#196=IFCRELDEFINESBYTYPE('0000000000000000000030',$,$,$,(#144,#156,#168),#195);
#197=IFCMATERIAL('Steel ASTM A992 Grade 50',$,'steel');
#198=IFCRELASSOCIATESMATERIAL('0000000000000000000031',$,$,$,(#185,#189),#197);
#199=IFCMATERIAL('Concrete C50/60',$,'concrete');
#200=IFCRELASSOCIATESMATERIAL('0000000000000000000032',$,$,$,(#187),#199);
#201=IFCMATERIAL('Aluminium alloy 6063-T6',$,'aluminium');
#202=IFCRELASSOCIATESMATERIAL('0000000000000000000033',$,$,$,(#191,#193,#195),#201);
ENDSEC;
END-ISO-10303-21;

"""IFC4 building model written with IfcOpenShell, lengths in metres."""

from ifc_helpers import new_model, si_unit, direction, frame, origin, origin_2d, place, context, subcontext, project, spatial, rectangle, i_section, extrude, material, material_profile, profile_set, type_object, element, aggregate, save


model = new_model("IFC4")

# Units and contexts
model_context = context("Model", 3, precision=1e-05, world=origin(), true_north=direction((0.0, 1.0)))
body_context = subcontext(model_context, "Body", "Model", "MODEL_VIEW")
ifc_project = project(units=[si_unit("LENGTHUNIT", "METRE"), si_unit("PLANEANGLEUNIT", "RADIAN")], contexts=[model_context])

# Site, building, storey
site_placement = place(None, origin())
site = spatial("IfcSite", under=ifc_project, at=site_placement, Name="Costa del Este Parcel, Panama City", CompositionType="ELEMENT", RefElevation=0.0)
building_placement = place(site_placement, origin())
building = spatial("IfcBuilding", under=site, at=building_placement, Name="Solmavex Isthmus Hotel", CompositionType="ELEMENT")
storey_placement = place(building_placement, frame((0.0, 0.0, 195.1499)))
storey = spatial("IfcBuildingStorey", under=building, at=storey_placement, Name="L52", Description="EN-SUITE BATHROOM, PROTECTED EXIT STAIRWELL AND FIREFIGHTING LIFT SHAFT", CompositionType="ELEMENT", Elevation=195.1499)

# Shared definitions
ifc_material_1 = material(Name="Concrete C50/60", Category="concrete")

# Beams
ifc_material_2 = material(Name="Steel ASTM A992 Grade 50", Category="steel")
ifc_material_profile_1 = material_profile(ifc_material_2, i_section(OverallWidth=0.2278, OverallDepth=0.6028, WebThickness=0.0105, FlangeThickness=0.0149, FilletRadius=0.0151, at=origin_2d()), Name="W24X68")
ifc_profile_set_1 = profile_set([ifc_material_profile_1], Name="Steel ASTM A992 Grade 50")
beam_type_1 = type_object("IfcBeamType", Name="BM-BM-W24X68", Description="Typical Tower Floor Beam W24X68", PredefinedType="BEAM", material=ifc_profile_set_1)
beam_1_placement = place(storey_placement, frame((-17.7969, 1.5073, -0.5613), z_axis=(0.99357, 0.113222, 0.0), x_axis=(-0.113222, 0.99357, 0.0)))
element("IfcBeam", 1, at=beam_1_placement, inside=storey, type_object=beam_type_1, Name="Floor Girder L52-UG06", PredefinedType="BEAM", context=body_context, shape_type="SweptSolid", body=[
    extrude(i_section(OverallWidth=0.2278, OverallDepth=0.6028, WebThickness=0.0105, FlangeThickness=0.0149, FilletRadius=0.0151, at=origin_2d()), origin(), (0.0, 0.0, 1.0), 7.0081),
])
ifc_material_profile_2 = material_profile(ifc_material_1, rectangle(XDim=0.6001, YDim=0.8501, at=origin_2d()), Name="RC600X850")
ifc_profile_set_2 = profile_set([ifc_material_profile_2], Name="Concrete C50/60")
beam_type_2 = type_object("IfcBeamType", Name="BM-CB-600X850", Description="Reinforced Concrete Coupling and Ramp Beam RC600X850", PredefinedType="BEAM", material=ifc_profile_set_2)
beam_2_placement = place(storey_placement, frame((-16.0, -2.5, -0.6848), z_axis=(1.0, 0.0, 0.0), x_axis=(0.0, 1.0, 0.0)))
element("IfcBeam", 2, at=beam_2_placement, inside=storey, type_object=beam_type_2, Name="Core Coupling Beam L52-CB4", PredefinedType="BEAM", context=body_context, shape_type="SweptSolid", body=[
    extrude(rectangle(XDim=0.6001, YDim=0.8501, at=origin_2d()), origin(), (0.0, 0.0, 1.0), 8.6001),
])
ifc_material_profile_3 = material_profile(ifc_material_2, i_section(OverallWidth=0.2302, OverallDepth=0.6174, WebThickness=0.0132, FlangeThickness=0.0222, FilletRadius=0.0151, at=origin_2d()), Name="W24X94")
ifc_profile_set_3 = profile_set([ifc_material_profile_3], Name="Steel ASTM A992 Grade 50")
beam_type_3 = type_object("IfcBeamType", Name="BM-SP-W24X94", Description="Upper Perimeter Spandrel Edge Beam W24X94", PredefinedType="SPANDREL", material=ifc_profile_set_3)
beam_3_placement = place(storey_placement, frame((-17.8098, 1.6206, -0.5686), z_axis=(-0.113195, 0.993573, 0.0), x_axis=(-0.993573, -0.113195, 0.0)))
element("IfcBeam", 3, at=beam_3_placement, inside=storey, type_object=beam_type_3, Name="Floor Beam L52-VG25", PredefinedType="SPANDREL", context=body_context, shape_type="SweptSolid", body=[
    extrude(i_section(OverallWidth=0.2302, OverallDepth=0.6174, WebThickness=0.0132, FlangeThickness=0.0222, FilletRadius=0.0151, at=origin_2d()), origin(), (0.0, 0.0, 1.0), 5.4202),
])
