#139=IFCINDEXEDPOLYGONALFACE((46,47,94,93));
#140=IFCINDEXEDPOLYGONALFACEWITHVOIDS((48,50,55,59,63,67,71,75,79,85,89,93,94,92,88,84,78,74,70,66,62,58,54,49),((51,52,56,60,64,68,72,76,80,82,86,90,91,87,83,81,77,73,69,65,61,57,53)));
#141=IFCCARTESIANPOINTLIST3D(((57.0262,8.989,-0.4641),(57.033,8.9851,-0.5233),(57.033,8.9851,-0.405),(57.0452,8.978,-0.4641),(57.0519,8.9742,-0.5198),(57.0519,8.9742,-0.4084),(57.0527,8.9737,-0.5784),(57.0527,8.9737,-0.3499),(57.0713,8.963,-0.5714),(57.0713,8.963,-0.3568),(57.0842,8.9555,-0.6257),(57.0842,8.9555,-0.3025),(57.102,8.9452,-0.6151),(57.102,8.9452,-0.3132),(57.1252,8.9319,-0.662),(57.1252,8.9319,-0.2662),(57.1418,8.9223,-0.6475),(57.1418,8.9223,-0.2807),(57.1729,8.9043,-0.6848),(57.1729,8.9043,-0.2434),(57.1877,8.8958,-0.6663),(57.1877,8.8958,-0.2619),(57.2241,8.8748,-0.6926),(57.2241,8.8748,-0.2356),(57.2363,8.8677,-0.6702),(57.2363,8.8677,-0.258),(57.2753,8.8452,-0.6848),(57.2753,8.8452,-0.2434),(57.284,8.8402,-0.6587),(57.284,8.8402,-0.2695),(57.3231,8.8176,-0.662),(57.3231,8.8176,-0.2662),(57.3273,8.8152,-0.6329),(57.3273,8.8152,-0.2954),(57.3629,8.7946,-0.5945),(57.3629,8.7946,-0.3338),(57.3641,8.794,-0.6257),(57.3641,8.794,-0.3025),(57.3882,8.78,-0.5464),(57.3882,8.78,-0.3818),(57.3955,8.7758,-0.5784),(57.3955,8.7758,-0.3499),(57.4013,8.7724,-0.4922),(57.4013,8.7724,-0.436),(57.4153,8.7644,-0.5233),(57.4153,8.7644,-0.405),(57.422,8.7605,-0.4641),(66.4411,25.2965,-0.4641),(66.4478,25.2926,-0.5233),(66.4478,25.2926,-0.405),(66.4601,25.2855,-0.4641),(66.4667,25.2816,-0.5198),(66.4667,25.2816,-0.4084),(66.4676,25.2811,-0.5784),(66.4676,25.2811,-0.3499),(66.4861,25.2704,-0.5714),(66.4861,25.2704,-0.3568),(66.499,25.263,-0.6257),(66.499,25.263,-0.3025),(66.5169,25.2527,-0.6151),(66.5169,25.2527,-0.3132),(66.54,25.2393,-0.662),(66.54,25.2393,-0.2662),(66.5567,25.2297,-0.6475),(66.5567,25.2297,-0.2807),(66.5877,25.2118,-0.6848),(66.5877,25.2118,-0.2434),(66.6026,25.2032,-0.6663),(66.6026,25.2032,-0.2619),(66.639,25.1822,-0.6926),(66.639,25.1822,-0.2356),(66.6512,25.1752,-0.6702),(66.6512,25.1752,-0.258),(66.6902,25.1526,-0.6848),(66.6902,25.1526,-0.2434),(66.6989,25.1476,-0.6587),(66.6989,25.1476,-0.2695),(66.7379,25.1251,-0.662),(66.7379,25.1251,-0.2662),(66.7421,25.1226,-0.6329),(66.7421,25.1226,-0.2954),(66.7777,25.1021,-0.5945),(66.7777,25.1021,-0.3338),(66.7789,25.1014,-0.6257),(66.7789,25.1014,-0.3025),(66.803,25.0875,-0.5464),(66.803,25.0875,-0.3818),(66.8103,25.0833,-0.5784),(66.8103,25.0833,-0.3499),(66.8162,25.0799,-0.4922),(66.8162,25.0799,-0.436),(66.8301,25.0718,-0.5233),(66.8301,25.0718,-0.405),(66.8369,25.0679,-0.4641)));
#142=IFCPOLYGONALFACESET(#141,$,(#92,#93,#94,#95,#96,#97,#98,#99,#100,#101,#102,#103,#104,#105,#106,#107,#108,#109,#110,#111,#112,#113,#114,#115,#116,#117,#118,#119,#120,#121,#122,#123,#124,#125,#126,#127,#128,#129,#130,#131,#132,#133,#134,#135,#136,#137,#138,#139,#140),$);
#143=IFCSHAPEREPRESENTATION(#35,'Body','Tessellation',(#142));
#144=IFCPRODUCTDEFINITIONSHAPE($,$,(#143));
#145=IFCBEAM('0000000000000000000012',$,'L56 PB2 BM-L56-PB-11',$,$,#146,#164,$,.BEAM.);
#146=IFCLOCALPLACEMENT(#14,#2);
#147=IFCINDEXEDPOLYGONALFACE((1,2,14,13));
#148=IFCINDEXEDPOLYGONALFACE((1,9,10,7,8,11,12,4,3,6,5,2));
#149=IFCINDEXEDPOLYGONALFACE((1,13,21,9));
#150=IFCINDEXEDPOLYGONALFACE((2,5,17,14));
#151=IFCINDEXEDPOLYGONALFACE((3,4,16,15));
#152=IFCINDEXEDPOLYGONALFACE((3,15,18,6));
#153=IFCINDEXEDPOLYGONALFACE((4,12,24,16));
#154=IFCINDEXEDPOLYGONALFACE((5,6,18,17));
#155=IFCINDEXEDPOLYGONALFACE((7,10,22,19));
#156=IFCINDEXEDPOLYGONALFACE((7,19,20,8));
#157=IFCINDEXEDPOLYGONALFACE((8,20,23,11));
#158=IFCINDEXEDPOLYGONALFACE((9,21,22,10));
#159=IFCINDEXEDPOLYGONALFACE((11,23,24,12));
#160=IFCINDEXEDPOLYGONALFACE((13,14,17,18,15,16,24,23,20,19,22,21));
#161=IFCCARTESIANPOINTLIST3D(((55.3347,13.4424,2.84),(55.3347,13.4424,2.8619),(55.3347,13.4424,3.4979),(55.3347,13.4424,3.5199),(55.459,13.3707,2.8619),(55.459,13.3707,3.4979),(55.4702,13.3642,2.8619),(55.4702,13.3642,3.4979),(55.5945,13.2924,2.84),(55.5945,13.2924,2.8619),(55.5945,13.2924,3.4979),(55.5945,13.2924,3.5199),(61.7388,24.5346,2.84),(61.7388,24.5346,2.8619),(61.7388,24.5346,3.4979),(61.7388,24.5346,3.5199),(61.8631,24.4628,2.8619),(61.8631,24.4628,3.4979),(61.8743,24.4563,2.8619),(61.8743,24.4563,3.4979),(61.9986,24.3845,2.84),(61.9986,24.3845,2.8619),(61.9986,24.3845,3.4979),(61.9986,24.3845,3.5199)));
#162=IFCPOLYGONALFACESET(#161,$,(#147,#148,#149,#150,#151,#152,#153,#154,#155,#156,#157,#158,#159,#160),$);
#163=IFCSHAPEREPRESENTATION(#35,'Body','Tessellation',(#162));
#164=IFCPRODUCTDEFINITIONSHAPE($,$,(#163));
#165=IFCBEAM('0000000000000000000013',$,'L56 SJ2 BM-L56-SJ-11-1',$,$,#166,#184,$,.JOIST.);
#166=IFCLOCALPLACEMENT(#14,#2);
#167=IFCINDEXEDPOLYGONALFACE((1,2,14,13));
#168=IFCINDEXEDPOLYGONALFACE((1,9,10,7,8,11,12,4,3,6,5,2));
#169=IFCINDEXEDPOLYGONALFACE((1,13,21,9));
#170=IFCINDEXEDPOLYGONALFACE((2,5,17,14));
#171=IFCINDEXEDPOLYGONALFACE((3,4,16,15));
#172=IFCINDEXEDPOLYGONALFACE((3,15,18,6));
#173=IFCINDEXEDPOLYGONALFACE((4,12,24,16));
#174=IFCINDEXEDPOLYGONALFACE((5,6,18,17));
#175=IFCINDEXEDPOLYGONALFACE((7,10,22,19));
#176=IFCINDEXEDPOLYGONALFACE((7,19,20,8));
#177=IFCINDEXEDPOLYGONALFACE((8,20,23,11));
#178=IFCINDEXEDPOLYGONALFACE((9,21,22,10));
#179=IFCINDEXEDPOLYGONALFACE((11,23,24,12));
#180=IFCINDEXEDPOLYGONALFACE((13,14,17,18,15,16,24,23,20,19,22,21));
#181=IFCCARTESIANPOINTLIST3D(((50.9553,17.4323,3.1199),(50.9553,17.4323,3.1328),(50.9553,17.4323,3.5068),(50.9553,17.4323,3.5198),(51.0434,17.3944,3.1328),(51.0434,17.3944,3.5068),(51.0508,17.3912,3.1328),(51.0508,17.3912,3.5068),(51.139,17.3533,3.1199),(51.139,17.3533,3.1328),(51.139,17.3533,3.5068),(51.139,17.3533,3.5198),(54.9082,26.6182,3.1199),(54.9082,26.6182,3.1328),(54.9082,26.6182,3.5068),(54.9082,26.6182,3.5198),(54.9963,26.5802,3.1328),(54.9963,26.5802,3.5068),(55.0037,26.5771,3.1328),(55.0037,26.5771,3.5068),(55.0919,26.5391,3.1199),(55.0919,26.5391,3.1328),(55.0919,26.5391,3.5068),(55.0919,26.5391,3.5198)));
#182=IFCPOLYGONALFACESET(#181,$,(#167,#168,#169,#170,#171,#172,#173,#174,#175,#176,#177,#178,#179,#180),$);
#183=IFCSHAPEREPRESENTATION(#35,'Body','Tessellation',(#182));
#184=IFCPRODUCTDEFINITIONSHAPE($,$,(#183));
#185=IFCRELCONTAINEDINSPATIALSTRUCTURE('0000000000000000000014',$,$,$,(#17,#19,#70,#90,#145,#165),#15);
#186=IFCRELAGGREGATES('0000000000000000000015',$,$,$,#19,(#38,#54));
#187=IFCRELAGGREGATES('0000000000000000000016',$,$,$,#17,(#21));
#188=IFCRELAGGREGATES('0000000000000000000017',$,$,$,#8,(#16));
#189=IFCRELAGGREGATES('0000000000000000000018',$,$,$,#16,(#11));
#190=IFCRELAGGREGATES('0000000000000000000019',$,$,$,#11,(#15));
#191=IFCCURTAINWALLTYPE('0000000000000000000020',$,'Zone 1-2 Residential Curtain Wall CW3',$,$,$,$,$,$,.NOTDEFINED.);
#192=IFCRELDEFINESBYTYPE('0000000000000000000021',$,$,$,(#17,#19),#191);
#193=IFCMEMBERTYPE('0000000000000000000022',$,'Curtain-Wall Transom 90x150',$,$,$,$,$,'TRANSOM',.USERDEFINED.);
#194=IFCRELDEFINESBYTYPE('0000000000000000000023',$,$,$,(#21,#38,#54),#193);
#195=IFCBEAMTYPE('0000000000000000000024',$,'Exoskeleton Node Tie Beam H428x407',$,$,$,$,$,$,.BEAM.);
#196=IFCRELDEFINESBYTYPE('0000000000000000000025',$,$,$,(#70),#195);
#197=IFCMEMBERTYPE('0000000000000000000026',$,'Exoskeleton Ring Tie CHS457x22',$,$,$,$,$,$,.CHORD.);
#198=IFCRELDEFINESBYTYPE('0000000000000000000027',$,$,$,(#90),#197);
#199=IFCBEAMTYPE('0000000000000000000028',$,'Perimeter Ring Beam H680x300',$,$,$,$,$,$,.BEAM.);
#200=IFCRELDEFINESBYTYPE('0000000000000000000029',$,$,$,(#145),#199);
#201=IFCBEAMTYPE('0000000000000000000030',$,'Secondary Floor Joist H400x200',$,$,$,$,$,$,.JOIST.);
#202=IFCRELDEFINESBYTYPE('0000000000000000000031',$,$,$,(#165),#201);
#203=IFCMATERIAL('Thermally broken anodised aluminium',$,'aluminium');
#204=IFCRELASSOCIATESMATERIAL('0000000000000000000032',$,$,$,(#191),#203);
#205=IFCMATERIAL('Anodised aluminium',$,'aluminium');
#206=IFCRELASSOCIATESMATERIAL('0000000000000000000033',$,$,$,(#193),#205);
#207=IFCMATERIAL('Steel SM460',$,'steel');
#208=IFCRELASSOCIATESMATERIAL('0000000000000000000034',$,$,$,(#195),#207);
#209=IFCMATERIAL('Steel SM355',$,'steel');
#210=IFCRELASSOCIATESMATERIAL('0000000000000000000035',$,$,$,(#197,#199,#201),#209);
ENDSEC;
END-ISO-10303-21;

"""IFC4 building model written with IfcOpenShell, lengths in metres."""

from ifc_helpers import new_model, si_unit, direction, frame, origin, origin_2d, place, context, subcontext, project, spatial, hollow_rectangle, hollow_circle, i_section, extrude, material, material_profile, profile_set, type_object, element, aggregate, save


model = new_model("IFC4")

◆ ◆ ◆ ◆

PROBLEM TO SOLVE >>
Return a word-for-word copy of the lines above from the one holding "#183=IFCSHAPEREPRESENTATION(#35,'Body','Tessellation',(#182));" through the one holding "Tie Beam H428x407',$,$,$,$,$,$,.BEAM.);", with both of them included and nothing besides.

EXERCISE RESPONSE >>
#183=IFCSHAPEREPRESENTATION(#35,'Body','Tessellation',(#182));
#184=IFCPRODUCTDEFINITIONSHAPE($,$,(#183));
#185=IFCRELCONTAINEDINSPATIALSTRUCTURE('0000000000000000000014',$,$,$,(#17,#19,#70,#90,#145,#165),#15);
#186=IFCRELAGGREGATES('0000000000000000000015',$,$,$,#19,(#38,#54));
#187=IFCRELAGGREGATES('0000000000000000000016',$,$,$,#17,(#21));
#188=IFCRELAGGREGATES('0000000000000000000017',$,$,$,#8,(#16));
#189=IFCRELAGGREGATES('0000000000000000000018',$,$,$,#16,(#11));
#190=IFCRELAGGREGATES('0000000000000000000019',$,$,$,#11,(#15));
#191=IFCCURTAINWALLTYPE('0000000000000000000020',$,'Zone 1-2 Residential Curtain Wall CW3',$,$,$,$,$,$,.NOTDEFINED.);
#192=IFCRELDEFINESBYTYPE('0000000000000000000021',$,$,$,(#17,#19),#191);
#193=IFCMEMBERTYPE('0000000000000000000022',$,'Curtain-Wall Transom 90x150',$,$,$,$,$,'TRANSOM',.USERDEFINED.);
#194=IFCRELDEFINESBYTYPE('0000000000000000000023',$,$,$,(#21,#38,#54),#193);
#195=IFCBEAMTYPE('0000000000000000000024',$,'Exoskeleton Node Tie Beam H428x407',$,$,$,$,$,$,.BEAM.);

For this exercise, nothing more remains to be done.